§ Your assignment
Go through the material below and return each line with the string "glass" in it.

§ Provided records
----
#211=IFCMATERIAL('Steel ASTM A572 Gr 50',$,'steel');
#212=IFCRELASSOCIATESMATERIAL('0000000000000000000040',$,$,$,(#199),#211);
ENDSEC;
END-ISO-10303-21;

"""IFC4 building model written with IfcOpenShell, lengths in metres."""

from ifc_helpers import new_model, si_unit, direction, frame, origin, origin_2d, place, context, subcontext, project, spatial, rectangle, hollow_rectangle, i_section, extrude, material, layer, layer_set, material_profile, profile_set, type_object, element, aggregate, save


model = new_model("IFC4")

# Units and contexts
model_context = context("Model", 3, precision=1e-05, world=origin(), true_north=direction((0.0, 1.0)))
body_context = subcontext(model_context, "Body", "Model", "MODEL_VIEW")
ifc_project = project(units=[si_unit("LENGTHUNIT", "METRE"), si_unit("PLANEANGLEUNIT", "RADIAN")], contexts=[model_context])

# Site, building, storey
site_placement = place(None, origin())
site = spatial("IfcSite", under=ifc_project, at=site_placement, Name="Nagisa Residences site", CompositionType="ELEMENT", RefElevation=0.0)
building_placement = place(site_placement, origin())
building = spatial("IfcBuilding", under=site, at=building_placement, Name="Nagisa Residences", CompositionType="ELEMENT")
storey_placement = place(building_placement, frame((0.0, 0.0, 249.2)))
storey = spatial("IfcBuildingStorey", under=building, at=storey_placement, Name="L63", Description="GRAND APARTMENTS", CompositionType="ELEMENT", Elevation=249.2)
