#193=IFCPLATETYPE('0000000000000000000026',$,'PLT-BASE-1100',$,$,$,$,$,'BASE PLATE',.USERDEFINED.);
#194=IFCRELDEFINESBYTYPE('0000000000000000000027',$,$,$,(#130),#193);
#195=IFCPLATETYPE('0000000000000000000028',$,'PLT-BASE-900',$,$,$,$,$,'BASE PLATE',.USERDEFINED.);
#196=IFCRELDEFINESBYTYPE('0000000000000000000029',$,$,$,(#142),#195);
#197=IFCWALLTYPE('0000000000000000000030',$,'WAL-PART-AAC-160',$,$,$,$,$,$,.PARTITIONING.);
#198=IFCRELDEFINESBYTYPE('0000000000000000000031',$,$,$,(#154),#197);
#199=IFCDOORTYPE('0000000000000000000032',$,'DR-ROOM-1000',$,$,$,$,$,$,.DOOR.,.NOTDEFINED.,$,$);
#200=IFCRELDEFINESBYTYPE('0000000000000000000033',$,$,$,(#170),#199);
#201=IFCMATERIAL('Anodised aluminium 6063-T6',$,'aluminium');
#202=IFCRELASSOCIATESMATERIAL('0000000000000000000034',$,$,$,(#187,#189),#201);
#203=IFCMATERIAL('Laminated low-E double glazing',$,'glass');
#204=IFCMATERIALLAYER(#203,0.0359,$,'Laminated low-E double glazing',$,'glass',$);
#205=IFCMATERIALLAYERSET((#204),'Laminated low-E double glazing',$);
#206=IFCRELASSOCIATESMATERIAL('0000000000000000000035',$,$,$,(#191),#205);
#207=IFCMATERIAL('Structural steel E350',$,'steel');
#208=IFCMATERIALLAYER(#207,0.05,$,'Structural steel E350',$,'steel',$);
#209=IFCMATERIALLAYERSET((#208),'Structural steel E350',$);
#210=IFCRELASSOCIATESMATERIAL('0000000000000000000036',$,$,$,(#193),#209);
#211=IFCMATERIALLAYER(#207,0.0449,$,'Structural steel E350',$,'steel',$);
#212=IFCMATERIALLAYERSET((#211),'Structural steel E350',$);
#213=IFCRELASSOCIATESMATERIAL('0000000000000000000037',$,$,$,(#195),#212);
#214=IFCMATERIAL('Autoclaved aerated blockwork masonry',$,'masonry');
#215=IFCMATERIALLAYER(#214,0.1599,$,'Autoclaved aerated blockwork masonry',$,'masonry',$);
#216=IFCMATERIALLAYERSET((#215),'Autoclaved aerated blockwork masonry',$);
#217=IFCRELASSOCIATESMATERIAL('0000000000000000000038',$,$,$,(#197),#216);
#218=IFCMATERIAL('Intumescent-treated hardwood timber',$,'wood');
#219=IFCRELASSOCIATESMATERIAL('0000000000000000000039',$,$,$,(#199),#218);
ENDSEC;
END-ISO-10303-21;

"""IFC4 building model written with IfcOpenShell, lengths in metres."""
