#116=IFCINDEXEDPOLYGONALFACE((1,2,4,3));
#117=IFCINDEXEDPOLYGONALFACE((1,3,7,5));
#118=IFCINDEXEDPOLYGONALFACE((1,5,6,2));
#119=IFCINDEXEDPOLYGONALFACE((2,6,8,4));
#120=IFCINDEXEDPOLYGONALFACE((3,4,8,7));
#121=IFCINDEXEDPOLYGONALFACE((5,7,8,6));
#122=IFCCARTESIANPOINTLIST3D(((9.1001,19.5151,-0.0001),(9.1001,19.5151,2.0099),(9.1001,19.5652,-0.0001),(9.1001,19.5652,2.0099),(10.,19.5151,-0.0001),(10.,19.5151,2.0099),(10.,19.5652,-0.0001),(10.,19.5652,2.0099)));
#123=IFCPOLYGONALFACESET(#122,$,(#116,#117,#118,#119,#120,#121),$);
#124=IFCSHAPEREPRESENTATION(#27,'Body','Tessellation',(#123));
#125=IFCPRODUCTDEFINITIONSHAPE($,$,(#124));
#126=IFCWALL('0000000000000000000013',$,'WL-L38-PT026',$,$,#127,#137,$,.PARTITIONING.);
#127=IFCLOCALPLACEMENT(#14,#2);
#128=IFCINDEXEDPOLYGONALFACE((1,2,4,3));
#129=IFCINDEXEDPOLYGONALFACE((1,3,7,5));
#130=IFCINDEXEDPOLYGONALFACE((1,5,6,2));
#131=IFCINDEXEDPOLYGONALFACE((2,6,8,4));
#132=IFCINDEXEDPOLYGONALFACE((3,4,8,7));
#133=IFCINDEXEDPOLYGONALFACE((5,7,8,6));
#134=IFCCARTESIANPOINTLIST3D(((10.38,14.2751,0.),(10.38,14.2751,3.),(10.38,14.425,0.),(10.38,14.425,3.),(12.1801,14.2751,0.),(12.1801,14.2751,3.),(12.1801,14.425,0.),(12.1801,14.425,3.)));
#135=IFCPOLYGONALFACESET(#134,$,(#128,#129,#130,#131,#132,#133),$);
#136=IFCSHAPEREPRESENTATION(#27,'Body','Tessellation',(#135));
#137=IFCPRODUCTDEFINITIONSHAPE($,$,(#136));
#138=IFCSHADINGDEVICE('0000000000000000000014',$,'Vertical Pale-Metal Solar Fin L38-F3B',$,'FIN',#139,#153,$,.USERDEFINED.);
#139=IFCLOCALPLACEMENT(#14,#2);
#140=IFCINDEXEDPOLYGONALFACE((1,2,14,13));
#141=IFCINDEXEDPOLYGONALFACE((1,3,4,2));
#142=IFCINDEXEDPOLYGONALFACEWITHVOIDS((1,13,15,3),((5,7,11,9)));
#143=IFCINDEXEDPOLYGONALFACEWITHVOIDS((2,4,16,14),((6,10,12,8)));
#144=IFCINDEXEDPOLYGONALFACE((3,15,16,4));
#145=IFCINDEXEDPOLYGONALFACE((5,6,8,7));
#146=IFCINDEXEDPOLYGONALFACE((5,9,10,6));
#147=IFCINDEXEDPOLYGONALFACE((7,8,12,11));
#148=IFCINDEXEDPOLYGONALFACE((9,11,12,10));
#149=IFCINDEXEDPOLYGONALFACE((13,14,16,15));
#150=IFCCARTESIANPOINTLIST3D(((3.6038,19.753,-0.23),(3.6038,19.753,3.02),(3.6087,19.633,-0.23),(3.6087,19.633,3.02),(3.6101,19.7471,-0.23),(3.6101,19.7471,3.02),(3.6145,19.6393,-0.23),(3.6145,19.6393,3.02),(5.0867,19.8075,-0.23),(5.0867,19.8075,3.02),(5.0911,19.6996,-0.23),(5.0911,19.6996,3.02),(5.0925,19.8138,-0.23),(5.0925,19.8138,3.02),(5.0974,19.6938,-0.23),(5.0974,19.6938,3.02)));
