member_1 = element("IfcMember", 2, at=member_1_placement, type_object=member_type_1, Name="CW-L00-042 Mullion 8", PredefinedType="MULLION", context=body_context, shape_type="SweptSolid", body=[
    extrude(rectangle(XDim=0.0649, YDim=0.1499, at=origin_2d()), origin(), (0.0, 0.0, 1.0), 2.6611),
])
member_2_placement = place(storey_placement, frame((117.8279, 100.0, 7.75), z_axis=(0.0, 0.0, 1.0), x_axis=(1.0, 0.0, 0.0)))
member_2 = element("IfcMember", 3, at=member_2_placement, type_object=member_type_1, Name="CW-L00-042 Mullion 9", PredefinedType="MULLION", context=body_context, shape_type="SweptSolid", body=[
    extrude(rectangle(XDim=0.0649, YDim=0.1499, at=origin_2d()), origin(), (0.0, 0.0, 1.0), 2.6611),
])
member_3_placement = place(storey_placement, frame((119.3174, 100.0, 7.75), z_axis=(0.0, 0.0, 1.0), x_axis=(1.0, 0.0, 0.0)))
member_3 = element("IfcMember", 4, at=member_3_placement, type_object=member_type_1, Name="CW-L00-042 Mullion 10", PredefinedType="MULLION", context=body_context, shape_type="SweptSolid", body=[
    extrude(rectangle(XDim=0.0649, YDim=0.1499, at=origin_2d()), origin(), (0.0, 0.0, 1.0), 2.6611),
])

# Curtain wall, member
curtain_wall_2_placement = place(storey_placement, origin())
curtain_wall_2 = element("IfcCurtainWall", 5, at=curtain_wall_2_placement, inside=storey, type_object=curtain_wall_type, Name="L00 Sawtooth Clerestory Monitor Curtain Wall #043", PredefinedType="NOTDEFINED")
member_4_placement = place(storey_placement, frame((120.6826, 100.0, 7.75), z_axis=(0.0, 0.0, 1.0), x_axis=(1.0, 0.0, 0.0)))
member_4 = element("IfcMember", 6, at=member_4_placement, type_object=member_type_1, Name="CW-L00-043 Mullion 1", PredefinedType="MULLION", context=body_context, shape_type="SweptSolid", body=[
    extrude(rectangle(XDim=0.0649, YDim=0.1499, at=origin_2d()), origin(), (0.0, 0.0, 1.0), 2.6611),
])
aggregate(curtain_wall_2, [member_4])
----
§ Response area
#203=IFCMATERIAL('Laminated low-E double glazing',$,'glass');
#204=IFCMATERIALLAYER(#203,0.0359,$,'Laminated low-E double glazing',$,'glass',$);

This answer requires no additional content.